## EXERCISE DATA
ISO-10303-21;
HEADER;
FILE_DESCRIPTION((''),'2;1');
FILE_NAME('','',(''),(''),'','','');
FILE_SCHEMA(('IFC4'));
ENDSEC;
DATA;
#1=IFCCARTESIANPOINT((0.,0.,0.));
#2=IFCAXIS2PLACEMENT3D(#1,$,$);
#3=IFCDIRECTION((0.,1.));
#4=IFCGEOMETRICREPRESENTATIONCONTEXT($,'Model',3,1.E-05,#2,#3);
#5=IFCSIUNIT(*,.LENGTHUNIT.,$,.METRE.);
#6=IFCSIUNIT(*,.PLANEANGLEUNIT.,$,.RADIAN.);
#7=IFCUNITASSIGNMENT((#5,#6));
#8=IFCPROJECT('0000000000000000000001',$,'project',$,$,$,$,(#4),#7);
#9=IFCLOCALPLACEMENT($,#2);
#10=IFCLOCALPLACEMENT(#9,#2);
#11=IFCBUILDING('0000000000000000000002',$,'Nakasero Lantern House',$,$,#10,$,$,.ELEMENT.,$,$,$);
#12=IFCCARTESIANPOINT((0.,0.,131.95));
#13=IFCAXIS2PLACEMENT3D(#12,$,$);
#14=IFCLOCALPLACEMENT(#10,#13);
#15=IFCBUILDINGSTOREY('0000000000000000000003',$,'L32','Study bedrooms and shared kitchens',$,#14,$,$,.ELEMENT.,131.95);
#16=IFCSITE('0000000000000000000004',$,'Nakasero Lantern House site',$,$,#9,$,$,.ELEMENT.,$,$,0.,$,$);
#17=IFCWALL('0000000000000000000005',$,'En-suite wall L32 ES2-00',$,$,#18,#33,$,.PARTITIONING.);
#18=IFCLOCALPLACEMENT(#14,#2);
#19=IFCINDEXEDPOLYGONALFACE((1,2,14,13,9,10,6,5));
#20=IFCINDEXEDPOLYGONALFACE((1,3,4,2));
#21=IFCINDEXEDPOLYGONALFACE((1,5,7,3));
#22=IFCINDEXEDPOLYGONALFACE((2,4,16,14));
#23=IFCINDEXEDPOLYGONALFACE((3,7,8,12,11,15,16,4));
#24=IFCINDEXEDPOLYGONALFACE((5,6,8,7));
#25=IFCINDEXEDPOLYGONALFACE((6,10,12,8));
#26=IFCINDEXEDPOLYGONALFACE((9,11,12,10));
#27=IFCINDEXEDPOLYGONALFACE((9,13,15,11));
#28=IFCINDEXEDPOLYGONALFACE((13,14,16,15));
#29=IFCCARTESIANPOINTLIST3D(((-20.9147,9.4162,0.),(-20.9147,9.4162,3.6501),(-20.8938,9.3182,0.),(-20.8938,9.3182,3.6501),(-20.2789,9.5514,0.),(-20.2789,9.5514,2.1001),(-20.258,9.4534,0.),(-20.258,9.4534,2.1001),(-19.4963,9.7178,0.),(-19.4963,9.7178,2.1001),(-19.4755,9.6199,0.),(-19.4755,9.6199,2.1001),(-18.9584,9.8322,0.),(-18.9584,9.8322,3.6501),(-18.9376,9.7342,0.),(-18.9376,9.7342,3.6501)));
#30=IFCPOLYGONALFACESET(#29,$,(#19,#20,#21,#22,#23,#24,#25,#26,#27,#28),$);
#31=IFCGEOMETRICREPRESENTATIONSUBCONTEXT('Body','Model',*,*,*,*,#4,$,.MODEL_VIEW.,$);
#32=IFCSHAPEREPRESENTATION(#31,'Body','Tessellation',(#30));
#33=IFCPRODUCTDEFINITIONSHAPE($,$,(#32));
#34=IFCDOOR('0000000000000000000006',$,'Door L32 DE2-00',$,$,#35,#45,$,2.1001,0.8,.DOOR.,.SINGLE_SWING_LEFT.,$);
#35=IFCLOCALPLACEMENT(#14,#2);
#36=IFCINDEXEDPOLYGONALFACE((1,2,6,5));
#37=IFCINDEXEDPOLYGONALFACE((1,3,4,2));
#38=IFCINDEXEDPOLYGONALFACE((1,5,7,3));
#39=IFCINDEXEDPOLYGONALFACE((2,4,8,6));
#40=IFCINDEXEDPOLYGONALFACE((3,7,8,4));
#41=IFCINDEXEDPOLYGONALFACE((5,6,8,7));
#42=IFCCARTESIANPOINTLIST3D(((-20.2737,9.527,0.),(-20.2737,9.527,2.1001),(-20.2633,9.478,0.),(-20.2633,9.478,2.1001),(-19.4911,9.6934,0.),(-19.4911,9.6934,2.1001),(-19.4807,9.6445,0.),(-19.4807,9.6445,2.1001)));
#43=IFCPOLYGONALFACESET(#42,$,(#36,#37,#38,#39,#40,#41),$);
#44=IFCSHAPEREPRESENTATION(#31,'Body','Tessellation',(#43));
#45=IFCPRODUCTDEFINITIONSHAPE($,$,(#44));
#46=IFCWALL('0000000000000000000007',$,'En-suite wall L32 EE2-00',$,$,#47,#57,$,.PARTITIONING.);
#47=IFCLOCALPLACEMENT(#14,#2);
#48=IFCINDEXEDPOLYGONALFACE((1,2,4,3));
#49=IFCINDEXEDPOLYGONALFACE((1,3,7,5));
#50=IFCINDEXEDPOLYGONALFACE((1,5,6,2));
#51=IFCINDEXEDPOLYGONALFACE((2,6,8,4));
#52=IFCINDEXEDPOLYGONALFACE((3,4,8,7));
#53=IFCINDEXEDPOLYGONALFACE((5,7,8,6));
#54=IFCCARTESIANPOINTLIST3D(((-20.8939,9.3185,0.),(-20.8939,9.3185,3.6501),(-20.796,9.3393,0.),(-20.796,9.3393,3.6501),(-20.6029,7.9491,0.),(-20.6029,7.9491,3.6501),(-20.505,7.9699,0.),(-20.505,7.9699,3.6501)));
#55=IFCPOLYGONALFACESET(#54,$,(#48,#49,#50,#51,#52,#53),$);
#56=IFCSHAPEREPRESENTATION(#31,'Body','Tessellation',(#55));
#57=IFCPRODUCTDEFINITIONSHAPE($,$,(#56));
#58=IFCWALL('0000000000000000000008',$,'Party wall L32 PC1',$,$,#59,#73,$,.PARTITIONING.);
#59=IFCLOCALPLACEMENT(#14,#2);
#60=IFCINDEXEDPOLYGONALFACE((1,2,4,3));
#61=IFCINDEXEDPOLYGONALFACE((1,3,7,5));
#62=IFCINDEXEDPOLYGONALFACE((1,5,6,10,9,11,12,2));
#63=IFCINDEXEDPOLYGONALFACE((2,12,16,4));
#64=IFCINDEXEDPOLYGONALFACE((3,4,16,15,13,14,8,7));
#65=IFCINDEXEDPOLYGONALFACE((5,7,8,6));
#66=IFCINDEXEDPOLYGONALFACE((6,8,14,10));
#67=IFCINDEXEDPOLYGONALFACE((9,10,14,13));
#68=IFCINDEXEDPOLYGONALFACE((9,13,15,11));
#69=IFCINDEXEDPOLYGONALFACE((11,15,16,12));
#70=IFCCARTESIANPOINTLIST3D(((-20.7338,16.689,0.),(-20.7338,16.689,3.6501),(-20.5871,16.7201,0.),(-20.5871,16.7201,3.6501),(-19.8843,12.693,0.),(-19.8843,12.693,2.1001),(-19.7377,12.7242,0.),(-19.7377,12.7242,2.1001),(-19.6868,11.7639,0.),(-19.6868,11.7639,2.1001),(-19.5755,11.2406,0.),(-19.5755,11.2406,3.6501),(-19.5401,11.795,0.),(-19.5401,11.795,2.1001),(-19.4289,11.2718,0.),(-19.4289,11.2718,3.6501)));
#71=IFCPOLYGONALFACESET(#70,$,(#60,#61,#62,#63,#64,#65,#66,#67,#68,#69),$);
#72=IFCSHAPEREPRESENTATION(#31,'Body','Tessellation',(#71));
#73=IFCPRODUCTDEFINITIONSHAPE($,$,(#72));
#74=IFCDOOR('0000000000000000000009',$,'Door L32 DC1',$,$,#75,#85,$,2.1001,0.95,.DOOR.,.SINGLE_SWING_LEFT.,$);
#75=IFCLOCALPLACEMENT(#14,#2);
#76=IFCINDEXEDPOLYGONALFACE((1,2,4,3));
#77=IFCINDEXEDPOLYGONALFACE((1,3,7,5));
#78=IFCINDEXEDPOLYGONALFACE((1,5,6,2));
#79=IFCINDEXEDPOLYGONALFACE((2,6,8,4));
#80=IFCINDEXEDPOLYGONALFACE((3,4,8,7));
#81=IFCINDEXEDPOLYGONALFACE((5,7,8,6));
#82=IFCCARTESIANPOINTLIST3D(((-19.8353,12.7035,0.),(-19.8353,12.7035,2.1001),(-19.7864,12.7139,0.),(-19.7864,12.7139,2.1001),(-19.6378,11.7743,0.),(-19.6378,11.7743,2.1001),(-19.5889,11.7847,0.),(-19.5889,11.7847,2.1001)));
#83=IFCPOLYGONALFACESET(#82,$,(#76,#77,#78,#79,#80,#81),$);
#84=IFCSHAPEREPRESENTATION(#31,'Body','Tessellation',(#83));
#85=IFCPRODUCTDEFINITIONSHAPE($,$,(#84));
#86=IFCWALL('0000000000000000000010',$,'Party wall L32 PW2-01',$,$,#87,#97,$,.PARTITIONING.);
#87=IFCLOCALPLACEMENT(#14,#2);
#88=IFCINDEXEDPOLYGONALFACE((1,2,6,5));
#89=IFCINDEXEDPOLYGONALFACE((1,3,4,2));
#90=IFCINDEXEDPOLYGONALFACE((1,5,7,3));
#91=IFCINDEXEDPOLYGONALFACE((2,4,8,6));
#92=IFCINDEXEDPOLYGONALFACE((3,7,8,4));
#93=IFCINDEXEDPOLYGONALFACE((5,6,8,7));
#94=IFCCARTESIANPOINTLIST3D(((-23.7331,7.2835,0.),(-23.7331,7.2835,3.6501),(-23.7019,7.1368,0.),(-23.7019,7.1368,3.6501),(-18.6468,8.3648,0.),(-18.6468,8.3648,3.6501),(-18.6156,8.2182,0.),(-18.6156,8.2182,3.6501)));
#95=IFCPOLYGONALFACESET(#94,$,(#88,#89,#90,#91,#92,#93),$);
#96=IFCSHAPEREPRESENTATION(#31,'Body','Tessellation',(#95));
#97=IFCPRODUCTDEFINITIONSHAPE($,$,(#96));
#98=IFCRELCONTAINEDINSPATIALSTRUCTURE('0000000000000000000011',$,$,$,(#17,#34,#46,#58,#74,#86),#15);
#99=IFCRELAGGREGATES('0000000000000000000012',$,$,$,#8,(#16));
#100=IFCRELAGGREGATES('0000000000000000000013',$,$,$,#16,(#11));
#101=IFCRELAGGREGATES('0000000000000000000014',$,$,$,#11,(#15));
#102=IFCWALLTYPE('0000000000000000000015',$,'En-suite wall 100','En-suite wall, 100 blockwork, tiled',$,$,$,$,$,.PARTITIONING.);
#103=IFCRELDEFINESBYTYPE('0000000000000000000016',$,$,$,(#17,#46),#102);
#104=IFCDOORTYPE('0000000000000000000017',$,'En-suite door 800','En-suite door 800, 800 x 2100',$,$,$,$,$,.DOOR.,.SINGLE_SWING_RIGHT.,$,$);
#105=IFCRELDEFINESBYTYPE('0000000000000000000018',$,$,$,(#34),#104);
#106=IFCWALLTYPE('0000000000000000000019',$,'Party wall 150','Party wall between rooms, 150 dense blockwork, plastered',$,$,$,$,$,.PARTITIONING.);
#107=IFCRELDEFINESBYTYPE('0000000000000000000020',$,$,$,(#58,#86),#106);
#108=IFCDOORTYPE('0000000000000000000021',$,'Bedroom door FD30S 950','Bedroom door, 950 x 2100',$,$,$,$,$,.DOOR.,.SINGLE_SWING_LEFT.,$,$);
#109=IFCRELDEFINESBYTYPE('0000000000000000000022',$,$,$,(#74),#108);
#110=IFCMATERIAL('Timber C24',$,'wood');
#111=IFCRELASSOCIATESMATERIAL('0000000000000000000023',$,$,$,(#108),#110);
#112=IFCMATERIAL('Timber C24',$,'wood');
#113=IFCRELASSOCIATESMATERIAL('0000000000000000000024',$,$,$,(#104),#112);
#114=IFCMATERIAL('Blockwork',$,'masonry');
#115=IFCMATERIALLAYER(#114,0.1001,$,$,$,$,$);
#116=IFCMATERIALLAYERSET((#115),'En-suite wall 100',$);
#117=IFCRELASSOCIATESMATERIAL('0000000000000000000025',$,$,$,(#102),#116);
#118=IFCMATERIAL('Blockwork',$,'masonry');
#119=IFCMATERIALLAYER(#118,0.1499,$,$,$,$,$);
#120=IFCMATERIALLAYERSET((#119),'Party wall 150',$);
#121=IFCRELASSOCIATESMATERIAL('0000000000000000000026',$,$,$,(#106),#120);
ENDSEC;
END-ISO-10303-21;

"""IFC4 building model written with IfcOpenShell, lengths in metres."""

from ifc_helpers import new_model, si_unit, direction, frame, frame_2d, origin, place, context, subcontext, project, spatial, rectangle, extrude, material, layer, layer_set, type_object, element, fill, save


model = new_model("IFC4")

# Units and contexts
model_context = context("Model", 3, precision=1e-05, world=origin(), true_north=direction((0.0, 1.0)))
body_context = subcontext(model_context, "Body", "Model", "MODEL_VIEW")
ifc_project = project(units=[si_unit("LENGTHUNIT", "METRE"), si_unit("PLANEANGLEUNIT", "RADIAN")], contexts=[model_context])

# Site, building, storey
site_placement = place(None, origin())
site = spatial("IfcSite", under=ifc_project, at=site_placement, Name="Nakasero Lantern House site", CompositionType="ELEMENT", RefElevation=0.0)
building_placement = place(site_placement, origin())
building = spatial("IfcBuilding", under=site, at=building_placement, Name="Nakasero Lantern House", CompositionType="ELEMENT")
storey_placement = place(building_placement, frame((0.0, 0.0, 131.95)))
storey = spatial("IfcBuildingStorey", under=building, at=storey_placement, Name="L32", Description="Study bedrooms and shared kitchens", CompositionType="ELEMENT", Elevation=131.95)

# Shared definitions
ifc_material_1 = material(Name="Timber C24", Category="wood")
door_type_1 = type_object("IfcDoorType", Name="Bedroom door FD30S 950", Description="Bedroom door, 950 x 2100", OperationType="SINGLE_SWING_LEFT", PredefinedType="DOOR", material=ifc_material_1)
ifc_material_2 = material(Name="Timber C24", Category="wood")
door_type_2 = type_object("IfcDoorType", Name="En-suite door 800", Description="En-suite door 800, 800 x 2100", OperationType="SINGLE_SWING_RIGHT", PredefinedType="DOOR", material=ifc_material_2)

# Wall, opening, door
ifc_material_3 = material(Name="Blockwork", Category="masonry")
ifc_layer_1 = layer(ifc_material_3, 0.1001)
ifc_layer_set_1 = layer_set([ifc_layer_1], Name="En-suite wall 100")
wall_type_1 = type_object("IfcWallType", Name="En-suite wall 100", Description="En-suite wall, 100 blockwork, tiled", PredefinedType="PARTITIONING", material=ifc_layer_set_1)
wall_1_placement = place(storey_placement, frame((-18.948, 9.7832, 0.0), z_axis=(0.0, 0.0, 1.0), x_axis=(-0.978128, -0.208003, 0.0)))
wall_1 = element("IfcWall", 1, at=wall_1_placement, inside=storey, type_object=wall_type_1, Name="En-suite wall L32 ES2-00", PredefinedType="PARTITIONING", context=body_context, shape_type="SweptSolid", body=[
    extrude(rectangle(XDim=2.0, YDim=0.1001, at=frame_2d((1.0, 0.0))), origin(), (0.0, 0.0, 1.0), 3.6501),
])
opening_1_placement = place(wall_1_placement, frame((0.55, 0.0, 0.0)))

## TASK TO CARRY OUT
Output exactly the span of lines beginning at the first line of the records and ending at the line that holds "#13=IFCAXIS2PLACEMENT3D(#12,$,$);", inclusive, with no other text.

## YOUR SOLUTION
ISO-10303-21;
HEADER;
FILE_DESCRIPTION((''),'2;1');
FILE_NAME('','',(''),(''),'','','');
FILE_SCHEMA(('IFC4'));
ENDSEC;
DATA;
#1=IFCCARTESIANPOINT((0.,0.,0.));
#2=IFCAXIS2PLACEMENT3D(#1,$,$);
#3=IFCDIRECTION((0.,1.));
#4=IFCGEOMETRICREPRESENTATIONCONTEXT($,'Model',3,1.E-05,#2,#3);
#5=IFCSIUNIT(*,.LENGTHUNIT.,$,.METRE.);
#6=IFCSIUNIT(*,.PLANEANGLEUNIT.,$,.RADIAN.);
#7=IFCUNITASSIGNMENT((#5,#6));
#8=IFCPROJECT('0000000000000000000001',$,'project',$,$,$,$,(#4),#7);
#9=IFCLOCALPLACEMENT($,#2);
#10=IFCLOCALPLACEMENT(#9,#2);
#11=IFCBUILDING('0000000000000000000002',$,'Nakasero Lantern House',$,$,#10,$,$,.ELEMENT.,$,$,$);
#12=IFCCARTESIANPOINT((0.,0.,131.95));
#13=IFCAXIS2PLACEMENT3D(#12,$,$);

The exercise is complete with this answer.